● **DATA EXTRACTS**:
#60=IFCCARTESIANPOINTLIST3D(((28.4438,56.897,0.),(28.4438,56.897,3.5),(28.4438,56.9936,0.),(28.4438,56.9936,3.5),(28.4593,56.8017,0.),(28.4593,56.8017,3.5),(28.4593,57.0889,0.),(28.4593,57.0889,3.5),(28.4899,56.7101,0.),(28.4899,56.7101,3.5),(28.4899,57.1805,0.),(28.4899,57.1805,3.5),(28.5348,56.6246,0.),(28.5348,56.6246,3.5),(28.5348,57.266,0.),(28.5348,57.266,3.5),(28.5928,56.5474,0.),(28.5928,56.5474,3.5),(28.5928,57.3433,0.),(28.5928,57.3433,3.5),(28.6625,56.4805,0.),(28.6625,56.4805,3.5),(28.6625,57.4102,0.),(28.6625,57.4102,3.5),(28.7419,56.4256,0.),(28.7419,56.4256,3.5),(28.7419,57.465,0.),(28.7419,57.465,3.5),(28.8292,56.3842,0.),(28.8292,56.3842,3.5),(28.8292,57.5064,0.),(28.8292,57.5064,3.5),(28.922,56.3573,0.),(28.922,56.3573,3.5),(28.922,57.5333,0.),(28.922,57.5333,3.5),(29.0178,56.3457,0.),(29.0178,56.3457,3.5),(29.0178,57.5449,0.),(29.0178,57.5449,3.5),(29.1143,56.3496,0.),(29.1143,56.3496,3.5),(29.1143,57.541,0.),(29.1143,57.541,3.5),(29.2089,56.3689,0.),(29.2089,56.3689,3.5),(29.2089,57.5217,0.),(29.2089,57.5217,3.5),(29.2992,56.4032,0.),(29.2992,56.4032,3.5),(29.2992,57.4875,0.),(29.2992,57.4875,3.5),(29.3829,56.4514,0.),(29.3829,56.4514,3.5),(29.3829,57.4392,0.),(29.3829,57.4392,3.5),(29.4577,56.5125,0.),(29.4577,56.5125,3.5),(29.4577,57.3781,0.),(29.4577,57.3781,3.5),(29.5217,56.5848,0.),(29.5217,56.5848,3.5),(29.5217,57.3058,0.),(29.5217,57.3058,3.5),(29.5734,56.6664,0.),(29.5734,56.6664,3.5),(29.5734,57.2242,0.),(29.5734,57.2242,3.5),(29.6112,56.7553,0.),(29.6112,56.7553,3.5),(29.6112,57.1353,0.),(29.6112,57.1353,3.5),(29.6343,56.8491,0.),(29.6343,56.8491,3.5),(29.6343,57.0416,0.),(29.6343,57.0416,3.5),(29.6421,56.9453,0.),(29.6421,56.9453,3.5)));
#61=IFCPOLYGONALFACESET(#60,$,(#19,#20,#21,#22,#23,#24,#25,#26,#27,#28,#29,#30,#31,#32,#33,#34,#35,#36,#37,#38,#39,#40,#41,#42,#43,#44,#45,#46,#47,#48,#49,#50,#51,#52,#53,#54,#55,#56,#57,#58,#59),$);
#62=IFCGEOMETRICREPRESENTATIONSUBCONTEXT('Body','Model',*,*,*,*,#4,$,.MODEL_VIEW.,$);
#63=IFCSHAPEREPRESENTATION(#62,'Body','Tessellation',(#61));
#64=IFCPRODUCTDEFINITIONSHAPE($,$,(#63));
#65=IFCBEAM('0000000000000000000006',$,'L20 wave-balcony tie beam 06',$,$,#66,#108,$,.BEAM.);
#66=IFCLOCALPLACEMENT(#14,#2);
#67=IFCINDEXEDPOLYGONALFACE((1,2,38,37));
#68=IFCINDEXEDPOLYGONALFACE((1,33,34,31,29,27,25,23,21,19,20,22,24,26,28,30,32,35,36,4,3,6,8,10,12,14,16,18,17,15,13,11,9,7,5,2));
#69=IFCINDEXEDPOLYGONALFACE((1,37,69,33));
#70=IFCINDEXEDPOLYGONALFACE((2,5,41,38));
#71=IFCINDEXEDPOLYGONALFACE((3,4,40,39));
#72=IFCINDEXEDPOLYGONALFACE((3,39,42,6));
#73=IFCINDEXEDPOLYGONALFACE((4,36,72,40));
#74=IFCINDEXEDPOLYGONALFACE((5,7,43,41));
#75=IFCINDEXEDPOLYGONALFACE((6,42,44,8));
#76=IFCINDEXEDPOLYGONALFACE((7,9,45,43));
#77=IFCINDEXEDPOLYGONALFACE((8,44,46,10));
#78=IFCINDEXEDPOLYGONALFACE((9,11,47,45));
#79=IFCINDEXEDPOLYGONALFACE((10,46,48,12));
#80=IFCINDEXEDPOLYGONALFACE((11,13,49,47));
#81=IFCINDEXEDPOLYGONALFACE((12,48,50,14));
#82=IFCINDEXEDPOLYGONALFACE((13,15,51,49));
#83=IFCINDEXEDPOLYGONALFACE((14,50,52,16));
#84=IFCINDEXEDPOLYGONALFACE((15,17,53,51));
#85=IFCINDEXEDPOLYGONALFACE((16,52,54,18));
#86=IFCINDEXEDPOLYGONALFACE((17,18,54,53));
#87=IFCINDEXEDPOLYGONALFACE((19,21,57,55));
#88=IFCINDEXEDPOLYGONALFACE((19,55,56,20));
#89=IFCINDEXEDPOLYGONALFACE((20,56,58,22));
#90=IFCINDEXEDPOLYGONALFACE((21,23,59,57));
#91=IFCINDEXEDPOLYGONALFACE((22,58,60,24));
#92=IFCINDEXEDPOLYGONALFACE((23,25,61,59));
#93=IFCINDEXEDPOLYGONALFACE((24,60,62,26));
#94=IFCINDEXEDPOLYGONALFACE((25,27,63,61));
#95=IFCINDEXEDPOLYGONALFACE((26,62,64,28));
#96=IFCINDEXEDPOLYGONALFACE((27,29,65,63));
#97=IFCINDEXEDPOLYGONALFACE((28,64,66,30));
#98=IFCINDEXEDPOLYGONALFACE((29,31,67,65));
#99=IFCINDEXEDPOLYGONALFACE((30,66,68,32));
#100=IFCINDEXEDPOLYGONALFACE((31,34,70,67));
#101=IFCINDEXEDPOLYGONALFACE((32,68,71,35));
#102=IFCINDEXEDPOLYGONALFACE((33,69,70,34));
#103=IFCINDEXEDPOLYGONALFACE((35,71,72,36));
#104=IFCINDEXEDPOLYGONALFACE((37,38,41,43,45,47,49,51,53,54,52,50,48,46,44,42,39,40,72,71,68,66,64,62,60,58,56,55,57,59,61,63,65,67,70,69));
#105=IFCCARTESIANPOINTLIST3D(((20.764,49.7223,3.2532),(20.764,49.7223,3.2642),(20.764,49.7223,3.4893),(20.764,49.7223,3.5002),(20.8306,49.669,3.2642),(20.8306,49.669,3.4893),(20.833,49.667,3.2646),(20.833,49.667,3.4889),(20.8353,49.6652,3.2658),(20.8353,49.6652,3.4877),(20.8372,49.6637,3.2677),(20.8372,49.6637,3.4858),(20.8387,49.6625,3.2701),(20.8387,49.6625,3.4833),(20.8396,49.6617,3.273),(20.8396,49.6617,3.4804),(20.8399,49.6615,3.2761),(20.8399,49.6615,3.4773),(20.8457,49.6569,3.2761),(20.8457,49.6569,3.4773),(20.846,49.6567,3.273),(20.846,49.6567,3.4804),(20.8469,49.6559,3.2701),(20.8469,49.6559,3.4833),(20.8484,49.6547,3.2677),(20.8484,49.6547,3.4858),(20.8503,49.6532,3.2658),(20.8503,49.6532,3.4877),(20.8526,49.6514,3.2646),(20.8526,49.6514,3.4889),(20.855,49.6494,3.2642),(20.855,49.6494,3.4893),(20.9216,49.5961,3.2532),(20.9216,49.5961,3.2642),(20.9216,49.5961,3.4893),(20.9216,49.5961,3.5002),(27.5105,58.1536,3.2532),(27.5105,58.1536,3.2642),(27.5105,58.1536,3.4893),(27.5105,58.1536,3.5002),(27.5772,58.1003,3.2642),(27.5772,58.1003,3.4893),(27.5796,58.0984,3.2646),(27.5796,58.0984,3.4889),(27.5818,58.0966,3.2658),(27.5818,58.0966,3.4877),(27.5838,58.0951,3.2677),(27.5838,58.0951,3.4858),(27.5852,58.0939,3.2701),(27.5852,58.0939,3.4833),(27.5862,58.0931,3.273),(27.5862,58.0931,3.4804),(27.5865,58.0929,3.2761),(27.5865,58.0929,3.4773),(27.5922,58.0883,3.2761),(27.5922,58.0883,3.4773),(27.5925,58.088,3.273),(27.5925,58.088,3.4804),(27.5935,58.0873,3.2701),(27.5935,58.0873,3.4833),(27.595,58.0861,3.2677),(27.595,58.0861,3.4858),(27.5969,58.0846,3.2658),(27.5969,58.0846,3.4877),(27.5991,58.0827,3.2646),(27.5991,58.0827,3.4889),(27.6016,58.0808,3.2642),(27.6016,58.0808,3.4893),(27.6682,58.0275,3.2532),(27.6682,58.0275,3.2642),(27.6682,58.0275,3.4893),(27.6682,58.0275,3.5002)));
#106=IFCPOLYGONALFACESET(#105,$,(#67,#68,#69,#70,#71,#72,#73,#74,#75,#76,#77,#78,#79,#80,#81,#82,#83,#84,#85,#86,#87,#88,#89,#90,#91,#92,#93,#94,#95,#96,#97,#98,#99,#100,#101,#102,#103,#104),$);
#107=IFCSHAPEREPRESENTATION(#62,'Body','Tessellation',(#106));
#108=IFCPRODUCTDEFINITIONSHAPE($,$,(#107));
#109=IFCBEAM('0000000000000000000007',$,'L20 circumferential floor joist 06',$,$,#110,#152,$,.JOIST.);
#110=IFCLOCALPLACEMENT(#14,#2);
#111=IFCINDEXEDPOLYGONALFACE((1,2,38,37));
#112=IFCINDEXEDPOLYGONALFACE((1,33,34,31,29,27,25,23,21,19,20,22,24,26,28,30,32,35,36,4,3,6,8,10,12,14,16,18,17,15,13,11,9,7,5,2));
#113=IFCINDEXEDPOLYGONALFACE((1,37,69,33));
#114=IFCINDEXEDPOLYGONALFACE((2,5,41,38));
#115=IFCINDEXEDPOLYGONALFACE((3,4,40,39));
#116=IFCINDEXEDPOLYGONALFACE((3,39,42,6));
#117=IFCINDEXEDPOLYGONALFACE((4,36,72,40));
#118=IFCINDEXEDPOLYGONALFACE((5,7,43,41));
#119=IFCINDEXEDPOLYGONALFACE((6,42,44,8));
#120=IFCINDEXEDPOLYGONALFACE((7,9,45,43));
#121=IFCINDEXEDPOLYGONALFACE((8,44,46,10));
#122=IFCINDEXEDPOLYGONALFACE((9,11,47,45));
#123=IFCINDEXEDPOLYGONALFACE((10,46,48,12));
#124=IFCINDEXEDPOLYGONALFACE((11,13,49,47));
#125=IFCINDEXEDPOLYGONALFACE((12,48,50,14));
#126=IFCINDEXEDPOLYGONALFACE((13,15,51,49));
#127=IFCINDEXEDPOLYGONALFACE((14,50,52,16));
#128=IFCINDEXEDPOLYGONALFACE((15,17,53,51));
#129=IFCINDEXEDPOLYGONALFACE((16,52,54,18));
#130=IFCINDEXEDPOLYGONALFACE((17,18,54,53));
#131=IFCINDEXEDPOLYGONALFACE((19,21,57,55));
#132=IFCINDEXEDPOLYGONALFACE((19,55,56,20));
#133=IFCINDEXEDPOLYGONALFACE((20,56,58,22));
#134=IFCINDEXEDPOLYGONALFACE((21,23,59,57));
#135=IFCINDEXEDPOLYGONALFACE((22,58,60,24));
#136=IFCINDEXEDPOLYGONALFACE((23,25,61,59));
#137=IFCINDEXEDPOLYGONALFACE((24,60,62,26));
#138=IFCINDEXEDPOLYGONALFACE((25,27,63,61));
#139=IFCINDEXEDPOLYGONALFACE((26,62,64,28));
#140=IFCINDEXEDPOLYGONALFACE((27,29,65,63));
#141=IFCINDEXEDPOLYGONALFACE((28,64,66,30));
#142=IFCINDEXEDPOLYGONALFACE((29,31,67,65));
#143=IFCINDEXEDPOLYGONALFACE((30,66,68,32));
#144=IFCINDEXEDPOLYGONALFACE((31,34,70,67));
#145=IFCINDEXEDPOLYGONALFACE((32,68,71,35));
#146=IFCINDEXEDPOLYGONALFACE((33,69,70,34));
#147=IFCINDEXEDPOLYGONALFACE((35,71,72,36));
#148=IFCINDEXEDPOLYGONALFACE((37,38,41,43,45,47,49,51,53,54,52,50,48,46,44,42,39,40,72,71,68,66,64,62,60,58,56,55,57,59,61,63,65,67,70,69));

● **INSTRUCTIONS FOR THE TASK**:
All that is wanted is the stretch of lines above from the one containing "#108=IFCPRODUCTDEFINITIONSHAPE($,$,(#107));" through the one containing "#147=IFCINDEXEDPOLYGONALFACE((35,71,72,36));", duplicated exactly.

● **RESULT**:
#108=IFCPRODUCTDEFINITIONSHAPE($,$,(#107));
#109=IFCBEAM('0000000000000000000007',$,'L20 circumferential floor joist 06',$,$,#110,#152,$,.JOIST.);
#110=IFCLOCALPLACEMENT(#14,#2);
#111=IFCINDEXEDPOLYGONALFACE((1,2,38,37));
#112=IFCINDEXEDPOLYGONALFACE((1,33,34,31,29,27,25,23,21,19,20,22,24,26,28,30,32,35,36,4,3,6,8,10,12,14,16,18,17,15,13,11,9,7,5,2));
#113=IFCINDEXEDPOLYGONALFACE((1,37,69,33));
#114=IFCINDEXEDPOLYGONALFACE((2,5,41,38));
#115=IFCINDEXEDPOLYGONALFACE((3,4,40,39));
#116=IFCINDEXEDPOLYGONALFACE((3,39,42,6));
#117=IFCINDEXEDPOLYGONALFACE((4,36,72,40));
#118=IFCINDEXEDPOLYGONALFACE((5,7,43,41));
#119=IFCINDEXEDPOLYGONALFACE((6,42,44,8));
#120=IFCINDEXEDPOLYGONALFACE((7,9,45,43));
#121=IFCINDEXEDPOLYGONALFACE((8,44,46,10));
#122=IFCINDEXEDPOLYGONALFACE((9,11,47,45));
#123=IFCINDEXEDPOLYGONALFACE((10,46,48,12));
#124=IFCINDEXEDPOLYGONALFACE((11,13,49,47));
#125=IFCINDEXEDPOLYGONALFACE((12,48,50,14));
#126=IFCINDEXEDPOLYGONALFACE((13,15,51,49));
#127=IFCINDEXEDPOLYGONALFACE((14,50,52,16));
#128=IFCINDEXEDPOLYGONALFACE((15,17,53,51));
#129=IFCINDEXEDPOLYGONALFACE((16,52,54,18));
#130=IFCINDEXEDPOLYGONALFACE((17,18,54,53));
#131=IFCINDEXEDPOLYGONALFACE((19,21,57,55));
#132=IFCINDEXEDPOLYGONALFACE((19,55,56,20));
#133=IFCINDEXEDPOLYGONALFACE((20,56,58,22));
#134=IFCINDEXEDPOLYGONALFACE((21,23,59,57));
#135=IFCINDEXEDPOLYGONALFACE((22,58,60,24));
#136=IFCINDEXEDPOLYGONALFACE((23,25,61,59));
#137=IFCINDEXEDPOLYGONALFACE((24,60,62,26));
#138=IFCINDEXEDPOLYGONALFACE((25,27,63,61));
#139=IFCINDEXEDPOLYGONALFACE((26,62,64,28));
#140=IFCINDEXEDPOLYGONALFACE((27,29,65,63));
#141=IFCINDEXEDPOLYGONALFACE((28,64,66,30));
#142=IFCINDEXEDPOLYGONALFACE((29,31,67,65));
#143=IFCINDEXEDPOLYGONALFACE((30,66,68,32));
#144=IFCINDEXEDPOLYGONALFACE((31,34,70,67));
#145=IFCINDEXEDPOLYGONALFACE((32,68,71,35));
#146=IFCINDEXEDPOLYGONALFACE((33,69,70,34));
#147=IFCINDEXEDPOLYGONALFACE((35,71,72,36));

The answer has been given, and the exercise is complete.